* _INSTRUCTIONS FOR THE TASK_: Where in the data below does the word "Tessellation" appear? Copy each line that holds it.

* _DATA TO EXAMINE_:
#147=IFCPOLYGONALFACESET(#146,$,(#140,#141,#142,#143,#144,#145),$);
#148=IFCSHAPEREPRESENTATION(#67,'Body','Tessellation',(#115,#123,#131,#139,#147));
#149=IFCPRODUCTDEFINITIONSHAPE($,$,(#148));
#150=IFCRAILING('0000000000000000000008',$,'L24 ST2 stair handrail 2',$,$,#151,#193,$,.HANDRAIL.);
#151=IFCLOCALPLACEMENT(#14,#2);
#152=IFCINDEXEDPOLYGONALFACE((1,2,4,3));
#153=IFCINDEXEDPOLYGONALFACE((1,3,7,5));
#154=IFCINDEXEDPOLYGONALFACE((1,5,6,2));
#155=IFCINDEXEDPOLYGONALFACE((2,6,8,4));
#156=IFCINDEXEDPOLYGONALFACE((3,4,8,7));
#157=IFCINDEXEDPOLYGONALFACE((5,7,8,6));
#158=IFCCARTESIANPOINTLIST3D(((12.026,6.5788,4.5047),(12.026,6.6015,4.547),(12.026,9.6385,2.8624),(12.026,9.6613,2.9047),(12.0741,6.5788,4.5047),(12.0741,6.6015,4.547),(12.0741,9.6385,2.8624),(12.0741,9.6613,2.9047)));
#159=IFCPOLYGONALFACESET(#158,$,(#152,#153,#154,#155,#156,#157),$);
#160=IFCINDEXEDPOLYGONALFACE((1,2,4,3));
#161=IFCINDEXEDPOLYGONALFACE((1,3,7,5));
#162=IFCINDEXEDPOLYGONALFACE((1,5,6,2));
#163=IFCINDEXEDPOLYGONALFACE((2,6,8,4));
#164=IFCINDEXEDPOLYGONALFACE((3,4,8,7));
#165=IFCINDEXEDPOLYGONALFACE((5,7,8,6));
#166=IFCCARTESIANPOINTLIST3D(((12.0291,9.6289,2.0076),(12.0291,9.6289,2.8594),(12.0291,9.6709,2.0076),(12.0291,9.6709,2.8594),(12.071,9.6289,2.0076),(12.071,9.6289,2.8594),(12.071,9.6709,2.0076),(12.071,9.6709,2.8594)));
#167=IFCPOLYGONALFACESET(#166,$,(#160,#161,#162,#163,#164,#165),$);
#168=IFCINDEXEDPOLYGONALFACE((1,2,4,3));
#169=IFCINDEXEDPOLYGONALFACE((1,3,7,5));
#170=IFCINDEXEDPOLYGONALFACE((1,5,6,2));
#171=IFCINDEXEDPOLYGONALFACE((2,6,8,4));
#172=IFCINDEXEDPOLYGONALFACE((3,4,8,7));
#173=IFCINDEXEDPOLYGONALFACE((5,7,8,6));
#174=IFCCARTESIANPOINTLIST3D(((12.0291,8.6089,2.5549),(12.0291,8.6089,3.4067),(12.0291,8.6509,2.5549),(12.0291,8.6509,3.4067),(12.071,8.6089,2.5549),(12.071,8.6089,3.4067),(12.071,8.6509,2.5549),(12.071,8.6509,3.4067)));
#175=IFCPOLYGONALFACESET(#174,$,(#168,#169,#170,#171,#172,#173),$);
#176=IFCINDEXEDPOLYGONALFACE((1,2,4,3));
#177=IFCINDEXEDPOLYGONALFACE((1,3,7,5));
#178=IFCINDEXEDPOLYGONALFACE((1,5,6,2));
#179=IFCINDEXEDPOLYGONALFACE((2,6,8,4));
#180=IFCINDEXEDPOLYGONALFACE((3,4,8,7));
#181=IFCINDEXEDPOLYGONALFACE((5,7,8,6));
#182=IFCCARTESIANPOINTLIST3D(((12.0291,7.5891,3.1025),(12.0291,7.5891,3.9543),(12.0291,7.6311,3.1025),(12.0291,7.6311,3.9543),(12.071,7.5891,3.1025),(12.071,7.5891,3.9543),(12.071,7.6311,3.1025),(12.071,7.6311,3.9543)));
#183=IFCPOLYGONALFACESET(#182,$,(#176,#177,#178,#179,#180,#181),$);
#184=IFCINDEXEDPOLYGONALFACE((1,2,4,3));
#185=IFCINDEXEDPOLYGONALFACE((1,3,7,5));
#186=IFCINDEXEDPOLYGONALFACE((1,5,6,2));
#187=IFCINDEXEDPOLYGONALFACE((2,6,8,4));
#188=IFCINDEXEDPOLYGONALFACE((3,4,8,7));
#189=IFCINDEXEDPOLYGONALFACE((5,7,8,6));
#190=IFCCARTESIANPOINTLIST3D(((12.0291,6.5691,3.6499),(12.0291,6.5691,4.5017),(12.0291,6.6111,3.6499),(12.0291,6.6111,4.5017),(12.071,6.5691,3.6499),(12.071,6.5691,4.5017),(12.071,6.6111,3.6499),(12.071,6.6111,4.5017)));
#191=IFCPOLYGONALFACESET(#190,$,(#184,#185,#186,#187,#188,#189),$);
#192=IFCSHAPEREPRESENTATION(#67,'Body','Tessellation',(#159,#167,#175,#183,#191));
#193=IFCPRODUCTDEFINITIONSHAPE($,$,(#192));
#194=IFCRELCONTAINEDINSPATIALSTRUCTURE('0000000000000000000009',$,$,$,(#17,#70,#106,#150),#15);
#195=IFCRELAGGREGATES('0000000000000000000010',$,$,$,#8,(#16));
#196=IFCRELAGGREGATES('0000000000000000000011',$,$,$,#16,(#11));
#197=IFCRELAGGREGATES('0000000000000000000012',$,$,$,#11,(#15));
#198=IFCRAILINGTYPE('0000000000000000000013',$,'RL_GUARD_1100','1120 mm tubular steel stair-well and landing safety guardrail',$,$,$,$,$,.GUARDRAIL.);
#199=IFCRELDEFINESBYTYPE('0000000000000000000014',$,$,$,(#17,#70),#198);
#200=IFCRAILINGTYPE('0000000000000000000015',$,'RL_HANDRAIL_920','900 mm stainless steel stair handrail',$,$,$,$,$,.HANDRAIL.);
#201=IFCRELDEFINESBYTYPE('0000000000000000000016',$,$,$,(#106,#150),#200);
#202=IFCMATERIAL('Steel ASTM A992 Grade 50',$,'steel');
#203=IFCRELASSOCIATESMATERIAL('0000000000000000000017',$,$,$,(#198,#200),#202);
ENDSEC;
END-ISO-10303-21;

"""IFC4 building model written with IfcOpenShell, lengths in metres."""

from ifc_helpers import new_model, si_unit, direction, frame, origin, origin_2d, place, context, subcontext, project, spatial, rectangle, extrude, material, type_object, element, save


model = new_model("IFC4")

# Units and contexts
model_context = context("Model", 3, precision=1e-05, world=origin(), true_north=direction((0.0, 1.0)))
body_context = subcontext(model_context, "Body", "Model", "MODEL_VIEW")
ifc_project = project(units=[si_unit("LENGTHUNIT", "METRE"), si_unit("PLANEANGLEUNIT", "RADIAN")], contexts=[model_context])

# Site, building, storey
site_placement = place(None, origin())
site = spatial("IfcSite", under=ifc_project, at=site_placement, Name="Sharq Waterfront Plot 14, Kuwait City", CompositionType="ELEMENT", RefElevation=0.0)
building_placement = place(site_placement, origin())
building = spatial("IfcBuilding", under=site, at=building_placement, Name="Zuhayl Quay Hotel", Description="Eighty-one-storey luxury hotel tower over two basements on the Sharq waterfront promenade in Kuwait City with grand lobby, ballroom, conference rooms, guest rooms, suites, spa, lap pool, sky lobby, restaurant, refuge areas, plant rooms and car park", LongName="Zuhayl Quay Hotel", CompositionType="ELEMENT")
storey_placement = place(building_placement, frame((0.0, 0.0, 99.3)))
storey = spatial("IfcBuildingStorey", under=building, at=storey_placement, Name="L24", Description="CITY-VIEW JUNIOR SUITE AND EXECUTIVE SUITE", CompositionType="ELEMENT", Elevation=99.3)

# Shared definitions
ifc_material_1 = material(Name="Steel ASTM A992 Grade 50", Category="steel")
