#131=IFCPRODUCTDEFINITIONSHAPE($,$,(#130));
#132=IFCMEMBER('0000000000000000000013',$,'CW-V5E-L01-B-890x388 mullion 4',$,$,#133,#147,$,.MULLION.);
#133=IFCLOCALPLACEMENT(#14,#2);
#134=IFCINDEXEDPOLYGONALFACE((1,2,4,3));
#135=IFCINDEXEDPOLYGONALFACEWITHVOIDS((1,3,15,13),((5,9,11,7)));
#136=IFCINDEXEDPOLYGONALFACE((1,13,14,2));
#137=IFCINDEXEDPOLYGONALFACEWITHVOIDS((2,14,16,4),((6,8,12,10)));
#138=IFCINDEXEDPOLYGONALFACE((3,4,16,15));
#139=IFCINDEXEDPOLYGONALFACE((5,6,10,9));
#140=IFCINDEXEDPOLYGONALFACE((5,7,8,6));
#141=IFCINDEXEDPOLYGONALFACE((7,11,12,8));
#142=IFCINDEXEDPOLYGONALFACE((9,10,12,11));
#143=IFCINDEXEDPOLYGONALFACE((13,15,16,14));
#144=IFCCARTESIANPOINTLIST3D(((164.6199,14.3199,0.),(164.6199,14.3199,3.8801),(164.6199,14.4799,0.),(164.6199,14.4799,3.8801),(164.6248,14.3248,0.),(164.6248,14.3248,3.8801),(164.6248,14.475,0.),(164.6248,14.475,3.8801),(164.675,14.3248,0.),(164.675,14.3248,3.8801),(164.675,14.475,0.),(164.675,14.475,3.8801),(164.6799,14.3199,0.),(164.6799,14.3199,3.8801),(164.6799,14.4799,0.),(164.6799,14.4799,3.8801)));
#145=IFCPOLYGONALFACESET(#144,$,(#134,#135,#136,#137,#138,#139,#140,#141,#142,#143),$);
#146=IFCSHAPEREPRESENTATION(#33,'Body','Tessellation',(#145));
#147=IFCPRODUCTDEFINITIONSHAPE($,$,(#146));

* _ANSWER_:
#148=IFCSHAPEREPRESENTATION(#67,'Body','Tessellation',(#115,#123,#131,#139,#147));
#192=IFCSHAPEREPRESENTATION(#67,'Body','Tessellation',(#159,#167,#175,#183,#191));
#146=IFCSHAPEREPRESENTATION(#33,'Body','Tessellation',(#145));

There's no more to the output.